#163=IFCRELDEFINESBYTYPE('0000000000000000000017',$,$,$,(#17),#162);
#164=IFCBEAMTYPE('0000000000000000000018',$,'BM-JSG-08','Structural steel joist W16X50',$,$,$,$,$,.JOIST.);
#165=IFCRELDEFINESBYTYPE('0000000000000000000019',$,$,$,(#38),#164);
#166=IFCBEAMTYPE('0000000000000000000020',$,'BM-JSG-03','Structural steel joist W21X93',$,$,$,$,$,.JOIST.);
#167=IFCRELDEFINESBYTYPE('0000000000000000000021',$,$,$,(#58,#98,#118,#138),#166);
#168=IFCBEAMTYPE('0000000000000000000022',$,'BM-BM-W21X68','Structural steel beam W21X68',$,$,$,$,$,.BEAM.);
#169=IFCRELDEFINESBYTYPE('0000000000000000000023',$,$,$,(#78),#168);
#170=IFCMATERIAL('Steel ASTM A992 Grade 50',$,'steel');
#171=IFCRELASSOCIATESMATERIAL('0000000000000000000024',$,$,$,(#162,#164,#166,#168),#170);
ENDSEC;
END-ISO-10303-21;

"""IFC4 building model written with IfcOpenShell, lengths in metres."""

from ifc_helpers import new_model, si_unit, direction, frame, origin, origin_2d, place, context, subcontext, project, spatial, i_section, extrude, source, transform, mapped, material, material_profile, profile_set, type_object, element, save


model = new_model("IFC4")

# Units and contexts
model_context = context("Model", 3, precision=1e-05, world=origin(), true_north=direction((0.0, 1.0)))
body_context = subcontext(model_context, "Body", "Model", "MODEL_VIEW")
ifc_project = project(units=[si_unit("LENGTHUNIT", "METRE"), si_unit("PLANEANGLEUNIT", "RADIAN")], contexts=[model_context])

------------------------------------------------

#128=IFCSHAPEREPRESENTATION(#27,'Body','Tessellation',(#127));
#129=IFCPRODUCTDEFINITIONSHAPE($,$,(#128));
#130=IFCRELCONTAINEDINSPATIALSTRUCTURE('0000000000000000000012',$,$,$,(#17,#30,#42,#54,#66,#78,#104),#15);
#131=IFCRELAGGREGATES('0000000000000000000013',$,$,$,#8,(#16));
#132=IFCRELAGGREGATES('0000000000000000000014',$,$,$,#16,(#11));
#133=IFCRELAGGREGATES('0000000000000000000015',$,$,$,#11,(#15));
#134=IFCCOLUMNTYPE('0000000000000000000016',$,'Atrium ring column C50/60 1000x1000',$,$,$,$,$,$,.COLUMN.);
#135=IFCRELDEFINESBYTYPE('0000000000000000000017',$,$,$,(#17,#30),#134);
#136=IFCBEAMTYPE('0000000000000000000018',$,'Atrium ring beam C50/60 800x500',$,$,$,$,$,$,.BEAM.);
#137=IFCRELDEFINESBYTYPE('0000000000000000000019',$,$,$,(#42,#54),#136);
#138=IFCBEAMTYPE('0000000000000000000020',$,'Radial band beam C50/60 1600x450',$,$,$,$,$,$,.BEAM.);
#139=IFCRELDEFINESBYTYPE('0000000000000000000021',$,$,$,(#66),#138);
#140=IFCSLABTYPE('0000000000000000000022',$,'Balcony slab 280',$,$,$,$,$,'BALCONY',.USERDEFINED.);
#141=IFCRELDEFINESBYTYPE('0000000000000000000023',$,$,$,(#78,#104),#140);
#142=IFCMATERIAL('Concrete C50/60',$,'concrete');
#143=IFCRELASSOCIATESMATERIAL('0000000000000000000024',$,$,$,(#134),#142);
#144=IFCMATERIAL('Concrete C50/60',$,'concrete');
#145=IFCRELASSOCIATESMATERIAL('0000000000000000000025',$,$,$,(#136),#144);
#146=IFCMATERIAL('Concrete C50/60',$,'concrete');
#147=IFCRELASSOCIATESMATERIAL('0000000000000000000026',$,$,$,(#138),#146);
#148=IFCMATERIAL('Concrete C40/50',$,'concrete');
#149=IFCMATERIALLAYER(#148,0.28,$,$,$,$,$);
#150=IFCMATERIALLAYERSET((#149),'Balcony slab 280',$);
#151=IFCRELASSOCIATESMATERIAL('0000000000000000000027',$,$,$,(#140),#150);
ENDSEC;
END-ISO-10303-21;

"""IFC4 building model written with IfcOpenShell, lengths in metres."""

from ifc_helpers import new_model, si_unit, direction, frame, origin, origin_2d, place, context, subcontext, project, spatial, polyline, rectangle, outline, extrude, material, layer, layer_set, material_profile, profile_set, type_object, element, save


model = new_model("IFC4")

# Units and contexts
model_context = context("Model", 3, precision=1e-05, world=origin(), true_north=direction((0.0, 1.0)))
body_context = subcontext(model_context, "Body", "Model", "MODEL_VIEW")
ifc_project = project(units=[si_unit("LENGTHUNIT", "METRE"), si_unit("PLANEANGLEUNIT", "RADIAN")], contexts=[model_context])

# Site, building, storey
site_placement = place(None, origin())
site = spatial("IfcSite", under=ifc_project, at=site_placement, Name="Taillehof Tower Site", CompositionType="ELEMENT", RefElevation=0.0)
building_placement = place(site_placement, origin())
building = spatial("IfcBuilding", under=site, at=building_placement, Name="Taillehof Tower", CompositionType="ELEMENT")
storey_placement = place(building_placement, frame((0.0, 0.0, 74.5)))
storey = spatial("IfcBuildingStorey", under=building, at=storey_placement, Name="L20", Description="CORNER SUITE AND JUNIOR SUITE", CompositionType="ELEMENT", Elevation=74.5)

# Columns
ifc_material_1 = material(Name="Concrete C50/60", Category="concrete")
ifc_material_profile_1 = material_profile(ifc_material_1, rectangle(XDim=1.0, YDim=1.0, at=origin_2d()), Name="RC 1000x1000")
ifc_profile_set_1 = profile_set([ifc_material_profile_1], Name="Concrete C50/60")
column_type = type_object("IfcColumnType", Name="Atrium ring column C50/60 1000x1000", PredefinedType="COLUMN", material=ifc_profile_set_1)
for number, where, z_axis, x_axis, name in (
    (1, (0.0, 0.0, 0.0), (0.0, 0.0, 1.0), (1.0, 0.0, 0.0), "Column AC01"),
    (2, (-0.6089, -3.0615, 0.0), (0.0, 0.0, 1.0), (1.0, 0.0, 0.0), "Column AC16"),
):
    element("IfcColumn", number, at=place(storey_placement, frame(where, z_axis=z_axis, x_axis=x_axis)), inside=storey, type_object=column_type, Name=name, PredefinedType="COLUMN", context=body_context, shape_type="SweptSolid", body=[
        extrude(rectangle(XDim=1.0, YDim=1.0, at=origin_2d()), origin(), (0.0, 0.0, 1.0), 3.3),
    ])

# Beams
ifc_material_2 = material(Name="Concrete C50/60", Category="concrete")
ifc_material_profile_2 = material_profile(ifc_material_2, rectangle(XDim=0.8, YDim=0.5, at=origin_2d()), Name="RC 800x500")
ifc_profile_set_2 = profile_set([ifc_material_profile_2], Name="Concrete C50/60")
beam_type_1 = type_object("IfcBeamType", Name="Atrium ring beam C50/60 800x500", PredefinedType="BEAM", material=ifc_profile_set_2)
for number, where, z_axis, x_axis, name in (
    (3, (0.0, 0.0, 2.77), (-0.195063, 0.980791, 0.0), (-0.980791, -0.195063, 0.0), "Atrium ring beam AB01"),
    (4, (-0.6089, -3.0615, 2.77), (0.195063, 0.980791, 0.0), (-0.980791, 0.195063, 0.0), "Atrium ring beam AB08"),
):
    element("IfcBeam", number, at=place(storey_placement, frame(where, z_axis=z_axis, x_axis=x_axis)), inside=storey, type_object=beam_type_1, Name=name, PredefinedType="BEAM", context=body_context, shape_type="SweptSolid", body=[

------------------------------------------------

ASSIGNED TASK >>
Pull out every line in the data above that has the word "PredefinedType".

FINAL ANSWER >>
column_type = type_object("IfcColumnType", Name="Atrium ring column C50/60 1000x1000", PredefinedType="COLUMN", material=ifc_profile_set_1)
    element("IfcColumn", number, at=place(storey_placement, frame(where, z_axis=z_axis, x_axis=x_axis)), inside=storey, type_object=column_type, Name=name, PredefinedType="COLUMN", context=body_context, shape_type="SweptSolid", body=[
beam_type_1 = type_object("IfcBeamType", Name="Atrium ring beam C50/60 800x500", PredefinedType="BEAM", material=ifc_profile_set_2)
    element("IfcBeam", number, at=place(storey_placement, frame(where, z_axis=z_axis, x_axis=x_axis)), inside=storey, type_object=beam_type_1, Name=name, PredefinedType="BEAM", context=body_context, shape_type="SweptSolid", body=[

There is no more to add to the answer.